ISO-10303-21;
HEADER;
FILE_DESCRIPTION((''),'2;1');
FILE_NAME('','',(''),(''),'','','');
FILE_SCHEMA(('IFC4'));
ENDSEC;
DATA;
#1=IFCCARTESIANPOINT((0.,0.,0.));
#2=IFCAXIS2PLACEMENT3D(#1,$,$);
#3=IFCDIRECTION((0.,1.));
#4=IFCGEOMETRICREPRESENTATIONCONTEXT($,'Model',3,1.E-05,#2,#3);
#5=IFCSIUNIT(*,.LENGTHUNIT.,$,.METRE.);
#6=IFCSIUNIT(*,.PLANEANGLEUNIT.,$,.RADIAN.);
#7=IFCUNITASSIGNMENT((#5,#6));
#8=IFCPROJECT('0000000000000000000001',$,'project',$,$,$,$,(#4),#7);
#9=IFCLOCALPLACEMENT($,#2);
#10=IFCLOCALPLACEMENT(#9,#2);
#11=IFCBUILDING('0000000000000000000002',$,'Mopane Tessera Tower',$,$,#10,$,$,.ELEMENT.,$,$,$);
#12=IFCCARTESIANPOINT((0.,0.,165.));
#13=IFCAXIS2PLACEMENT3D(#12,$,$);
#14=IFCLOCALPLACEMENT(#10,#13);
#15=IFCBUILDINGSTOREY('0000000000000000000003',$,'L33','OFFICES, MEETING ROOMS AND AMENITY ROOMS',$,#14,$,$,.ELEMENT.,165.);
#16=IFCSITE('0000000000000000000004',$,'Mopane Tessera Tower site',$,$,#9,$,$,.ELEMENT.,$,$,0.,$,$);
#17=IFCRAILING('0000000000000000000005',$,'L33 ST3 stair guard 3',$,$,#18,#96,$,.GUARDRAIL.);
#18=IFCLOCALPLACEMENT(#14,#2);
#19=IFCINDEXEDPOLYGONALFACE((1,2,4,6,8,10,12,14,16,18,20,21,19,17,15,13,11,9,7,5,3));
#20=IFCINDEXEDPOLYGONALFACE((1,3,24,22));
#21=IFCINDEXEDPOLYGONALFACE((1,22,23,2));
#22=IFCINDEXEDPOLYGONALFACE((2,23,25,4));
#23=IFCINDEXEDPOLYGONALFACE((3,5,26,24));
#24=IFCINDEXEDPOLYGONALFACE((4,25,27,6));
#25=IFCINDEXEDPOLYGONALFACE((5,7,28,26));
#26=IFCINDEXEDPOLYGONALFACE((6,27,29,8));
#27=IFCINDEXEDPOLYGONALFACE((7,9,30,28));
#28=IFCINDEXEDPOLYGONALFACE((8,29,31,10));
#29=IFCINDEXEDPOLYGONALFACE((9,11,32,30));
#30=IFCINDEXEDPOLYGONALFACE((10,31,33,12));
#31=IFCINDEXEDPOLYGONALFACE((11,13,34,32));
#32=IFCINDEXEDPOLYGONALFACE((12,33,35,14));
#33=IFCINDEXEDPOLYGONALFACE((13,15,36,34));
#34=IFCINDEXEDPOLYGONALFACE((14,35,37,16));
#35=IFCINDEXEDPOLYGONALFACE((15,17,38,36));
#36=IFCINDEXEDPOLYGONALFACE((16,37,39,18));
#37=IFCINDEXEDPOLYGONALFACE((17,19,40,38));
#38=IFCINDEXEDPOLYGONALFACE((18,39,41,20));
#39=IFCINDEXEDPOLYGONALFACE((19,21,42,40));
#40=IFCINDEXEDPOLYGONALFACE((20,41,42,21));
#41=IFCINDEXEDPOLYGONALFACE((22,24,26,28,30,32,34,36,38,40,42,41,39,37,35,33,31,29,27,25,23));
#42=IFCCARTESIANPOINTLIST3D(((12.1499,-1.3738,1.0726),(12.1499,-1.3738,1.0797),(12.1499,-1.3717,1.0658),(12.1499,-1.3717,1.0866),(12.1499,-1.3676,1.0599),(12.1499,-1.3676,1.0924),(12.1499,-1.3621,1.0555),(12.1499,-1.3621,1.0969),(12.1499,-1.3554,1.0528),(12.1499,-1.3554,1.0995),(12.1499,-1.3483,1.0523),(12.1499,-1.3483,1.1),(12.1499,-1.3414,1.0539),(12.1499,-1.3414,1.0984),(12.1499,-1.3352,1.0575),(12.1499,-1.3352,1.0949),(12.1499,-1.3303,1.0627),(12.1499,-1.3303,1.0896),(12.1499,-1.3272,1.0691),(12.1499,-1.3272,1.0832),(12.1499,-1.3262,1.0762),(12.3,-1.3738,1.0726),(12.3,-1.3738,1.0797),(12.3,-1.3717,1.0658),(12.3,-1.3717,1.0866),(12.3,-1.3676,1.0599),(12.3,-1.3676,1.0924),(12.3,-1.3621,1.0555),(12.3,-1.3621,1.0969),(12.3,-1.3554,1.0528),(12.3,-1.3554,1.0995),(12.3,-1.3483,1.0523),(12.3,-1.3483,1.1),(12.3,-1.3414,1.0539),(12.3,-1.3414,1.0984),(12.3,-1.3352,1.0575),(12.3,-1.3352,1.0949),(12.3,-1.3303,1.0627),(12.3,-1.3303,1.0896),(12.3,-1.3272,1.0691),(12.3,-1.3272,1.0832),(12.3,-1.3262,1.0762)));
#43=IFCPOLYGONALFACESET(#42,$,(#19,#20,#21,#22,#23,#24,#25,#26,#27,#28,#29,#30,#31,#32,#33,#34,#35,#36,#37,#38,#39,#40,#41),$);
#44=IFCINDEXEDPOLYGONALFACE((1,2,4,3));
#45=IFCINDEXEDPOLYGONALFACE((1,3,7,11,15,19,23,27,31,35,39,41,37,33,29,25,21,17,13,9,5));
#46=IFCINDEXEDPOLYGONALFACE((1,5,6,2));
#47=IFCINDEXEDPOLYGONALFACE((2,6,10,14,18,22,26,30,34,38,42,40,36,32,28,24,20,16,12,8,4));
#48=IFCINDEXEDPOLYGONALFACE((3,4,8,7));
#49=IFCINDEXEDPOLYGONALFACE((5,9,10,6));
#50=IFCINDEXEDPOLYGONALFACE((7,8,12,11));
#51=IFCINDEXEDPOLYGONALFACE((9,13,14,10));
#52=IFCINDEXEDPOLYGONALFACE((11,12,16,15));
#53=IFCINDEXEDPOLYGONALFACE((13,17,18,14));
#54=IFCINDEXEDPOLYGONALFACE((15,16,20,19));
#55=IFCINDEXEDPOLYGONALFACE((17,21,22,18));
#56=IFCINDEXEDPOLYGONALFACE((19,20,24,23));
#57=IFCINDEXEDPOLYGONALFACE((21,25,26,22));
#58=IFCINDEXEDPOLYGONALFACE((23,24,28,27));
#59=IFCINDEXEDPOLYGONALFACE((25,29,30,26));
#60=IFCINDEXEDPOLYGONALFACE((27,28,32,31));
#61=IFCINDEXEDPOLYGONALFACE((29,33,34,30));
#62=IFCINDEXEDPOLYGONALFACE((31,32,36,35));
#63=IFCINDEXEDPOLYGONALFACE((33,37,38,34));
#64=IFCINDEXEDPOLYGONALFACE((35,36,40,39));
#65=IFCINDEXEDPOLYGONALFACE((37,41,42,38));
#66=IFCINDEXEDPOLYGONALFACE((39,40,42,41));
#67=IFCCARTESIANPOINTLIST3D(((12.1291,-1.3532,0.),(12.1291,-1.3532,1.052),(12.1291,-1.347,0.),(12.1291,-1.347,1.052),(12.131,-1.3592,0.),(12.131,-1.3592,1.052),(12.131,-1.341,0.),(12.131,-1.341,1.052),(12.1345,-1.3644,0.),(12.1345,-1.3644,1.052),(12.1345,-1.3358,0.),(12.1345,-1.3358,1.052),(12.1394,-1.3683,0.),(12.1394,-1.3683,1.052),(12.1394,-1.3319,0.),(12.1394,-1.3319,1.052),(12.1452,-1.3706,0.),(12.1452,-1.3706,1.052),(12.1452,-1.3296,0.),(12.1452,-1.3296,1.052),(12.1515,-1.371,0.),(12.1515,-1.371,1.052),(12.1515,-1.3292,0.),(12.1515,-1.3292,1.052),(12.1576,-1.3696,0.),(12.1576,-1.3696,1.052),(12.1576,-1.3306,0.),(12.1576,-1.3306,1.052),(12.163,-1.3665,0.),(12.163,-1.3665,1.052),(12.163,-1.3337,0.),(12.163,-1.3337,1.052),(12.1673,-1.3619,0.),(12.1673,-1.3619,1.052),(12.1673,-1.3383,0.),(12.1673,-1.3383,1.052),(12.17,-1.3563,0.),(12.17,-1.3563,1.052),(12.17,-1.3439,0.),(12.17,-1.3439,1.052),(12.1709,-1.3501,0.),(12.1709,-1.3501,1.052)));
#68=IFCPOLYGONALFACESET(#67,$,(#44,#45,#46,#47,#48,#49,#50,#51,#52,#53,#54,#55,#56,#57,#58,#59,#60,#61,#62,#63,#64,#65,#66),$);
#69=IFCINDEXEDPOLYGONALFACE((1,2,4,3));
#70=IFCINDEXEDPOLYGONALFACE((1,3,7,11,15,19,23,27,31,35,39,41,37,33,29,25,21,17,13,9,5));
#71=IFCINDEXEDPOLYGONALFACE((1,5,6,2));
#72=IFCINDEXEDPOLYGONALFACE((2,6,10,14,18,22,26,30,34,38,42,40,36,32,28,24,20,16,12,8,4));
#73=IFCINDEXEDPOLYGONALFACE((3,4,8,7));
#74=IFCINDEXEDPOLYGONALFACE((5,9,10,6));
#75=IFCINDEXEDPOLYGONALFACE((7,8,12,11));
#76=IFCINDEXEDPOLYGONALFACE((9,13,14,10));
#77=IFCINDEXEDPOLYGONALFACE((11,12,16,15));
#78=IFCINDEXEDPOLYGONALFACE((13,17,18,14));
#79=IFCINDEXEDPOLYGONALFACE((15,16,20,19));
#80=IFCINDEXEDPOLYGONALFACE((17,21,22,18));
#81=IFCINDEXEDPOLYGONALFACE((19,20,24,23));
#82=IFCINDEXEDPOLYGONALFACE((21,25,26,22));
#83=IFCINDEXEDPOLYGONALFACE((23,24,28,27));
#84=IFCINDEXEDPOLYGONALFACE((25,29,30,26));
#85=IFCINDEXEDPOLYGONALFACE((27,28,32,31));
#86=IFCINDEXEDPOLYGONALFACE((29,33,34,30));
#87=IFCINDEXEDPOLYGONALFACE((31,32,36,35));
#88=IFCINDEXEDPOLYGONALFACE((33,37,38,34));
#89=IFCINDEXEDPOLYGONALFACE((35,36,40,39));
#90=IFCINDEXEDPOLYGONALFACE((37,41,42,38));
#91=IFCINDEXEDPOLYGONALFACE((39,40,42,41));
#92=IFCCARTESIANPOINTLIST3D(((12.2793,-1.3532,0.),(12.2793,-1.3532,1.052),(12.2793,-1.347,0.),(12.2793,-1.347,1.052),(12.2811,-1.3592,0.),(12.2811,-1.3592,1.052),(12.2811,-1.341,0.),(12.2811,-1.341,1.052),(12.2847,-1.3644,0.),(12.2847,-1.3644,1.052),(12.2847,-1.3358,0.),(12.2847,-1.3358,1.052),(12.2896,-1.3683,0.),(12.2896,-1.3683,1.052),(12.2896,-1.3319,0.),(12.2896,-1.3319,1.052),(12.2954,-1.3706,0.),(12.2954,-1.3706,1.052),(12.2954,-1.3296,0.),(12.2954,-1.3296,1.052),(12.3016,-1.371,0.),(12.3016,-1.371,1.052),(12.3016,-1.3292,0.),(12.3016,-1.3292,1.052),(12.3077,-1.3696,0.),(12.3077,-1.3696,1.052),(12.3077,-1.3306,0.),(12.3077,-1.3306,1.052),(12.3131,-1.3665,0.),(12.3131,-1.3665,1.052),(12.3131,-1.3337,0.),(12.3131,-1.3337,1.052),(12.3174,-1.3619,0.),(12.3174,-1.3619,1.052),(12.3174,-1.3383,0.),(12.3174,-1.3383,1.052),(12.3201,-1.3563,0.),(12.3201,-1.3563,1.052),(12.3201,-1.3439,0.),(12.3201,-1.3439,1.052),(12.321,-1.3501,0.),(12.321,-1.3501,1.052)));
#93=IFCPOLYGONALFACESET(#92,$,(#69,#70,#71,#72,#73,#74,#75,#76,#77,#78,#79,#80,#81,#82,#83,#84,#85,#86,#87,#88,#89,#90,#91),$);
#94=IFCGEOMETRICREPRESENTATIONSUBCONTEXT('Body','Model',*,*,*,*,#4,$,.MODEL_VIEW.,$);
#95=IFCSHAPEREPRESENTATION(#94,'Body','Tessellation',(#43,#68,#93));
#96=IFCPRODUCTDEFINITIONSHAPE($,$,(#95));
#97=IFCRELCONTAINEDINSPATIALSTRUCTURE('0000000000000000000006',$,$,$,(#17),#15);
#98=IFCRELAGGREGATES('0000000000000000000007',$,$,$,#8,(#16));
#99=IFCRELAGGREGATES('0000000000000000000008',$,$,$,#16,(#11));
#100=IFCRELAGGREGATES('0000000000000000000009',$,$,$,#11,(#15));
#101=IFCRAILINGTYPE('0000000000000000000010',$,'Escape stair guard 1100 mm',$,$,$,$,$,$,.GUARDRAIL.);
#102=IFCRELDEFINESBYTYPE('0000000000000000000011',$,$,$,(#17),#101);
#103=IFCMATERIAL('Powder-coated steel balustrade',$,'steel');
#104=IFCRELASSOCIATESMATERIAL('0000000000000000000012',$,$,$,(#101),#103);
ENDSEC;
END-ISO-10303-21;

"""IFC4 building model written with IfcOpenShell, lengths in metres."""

from ifc_helpers import new_model, si_unit, direction, frame, origin, origin_2d, place, context, subcontext, project, spatial, circle, extrude, material, type_object, element, save


model = new_model("IFC4")

# Units and contexts
model_context = context("Model", 3, precision=1e-05, world=origin(), true_north=direction((0.0, 1.0)))
body_context = subcontext(model_context, "Body", "Model", "MODEL_VIEW")
ifc_project = project(units=[si_unit("LENGTHUNIT", "METRE"), si_unit("PLANEANGLEUNIT", "RADIAN")], contexts=[model_context])

# Site, building, storey
site_placement = place(None, origin())
site = spatial("IfcSite", under=ifc_project, at=site_placement, Name="Mopane Tessera Tower site", CompositionType="ELEMENT", RefElevation=0.0)
building_placement = place(site_placement, origin())
building = spatial("IfcBuilding", under=site, at=building_placement, Name="Mopane Tessera Tower", CompositionType="ELEMENT")
storey_placement = place(building_placement, frame((0.0, 0.0, 165.0)))
storey = spatial("IfcBuildingStorey", under=building, at=storey_placement, Name="L33", Description="OFFICES, MEETING ROOMS AND AMENITY ROOMS", CompositionType="ELEMENT", Elevation=165.0)

# Railing
ifc_material_1 = material(Name="Powder-coated steel balustrade", Category="steel")
railing_type_1 = type_object("IfcRailingType", Name="Escape stair guard 1100 mm", PredefinedType="GUARDRAIL", material=ifc_material_1)
railing_1_placement = place(storey_placement, frame((12.1499, -1.3501, 0.0)))
element("IfcRailing", 1, at=railing_1_placement, inside=storey, type_object=railing_type_1, Name="L33 ST3 stair guard 3", PredefinedType="GUARDRAIL", context=body_context, shape_type="SweptSolid", body=[
    extrude(circle(Radius=0.0239, at=origin_2d()), frame((0.0, 0.0, 1.0762), z_axis=(1.0, 0.0, 0.0), x_axis=(0.0, 1.0, 0.0)), (0.0, 0.0, 1.0), 0.1501),
    extrude(circle(Radius=0.021, at=origin_2d()), origin(), (0.0, 0.0, 1.0), 1.052),
    extrude(circle(Radius=0.021, at=origin_2d()), frame((0.1501, 0.0, 0.0)), (0.0, 0.0, 1.0), 1.052),
])

save(model, "model.ifc")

- - - - - - -

__WHAT THE TASK REQUIRES__
Out of the material above, output word for word the line with "#23=IFCINDEXEDPOLYGONALFACE((3,5,26,24));", the line with "#34=IFCINDEXEDPOLYGONALFACE((14,35,37,16));", and all lines between them, with nothing else.

__RESULT OF THIS EXERCISE__
#23=IFCINDEXEDPOLYGONALFACE((3,5,26,24));
#24=IFCINDEXEDPOLYGONALFACE((4,25,27,6));
#25=IFCINDEXEDPOLYGONALFACE((5,7,28,26));
#26=IFCINDEXEDPOLYGONALFACE((6,27,29,8));
#27=IFCINDEXEDPOLYGONALFACE((7,9,30,28));
#28=IFCINDEXEDPOLYGONALFACE((8,29,31,10));
#29=IFCINDEXEDPOLYGONALFACE((9,11,32,30));
#30=IFCINDEXEDPOLYGONALFACE((10,31,33,12));
#31=IFCINDEXEDPOLYGONALFACE((11,13,34,32));
#32=IFCINDEXEDPOLYGONALFACE((12,33,35,14));
#33=IFCINDEXEDPOLYGONALFACE((13,15,36,34));
#34=IFCINDEXEDPOLYGONALFACE((14,35,37,16));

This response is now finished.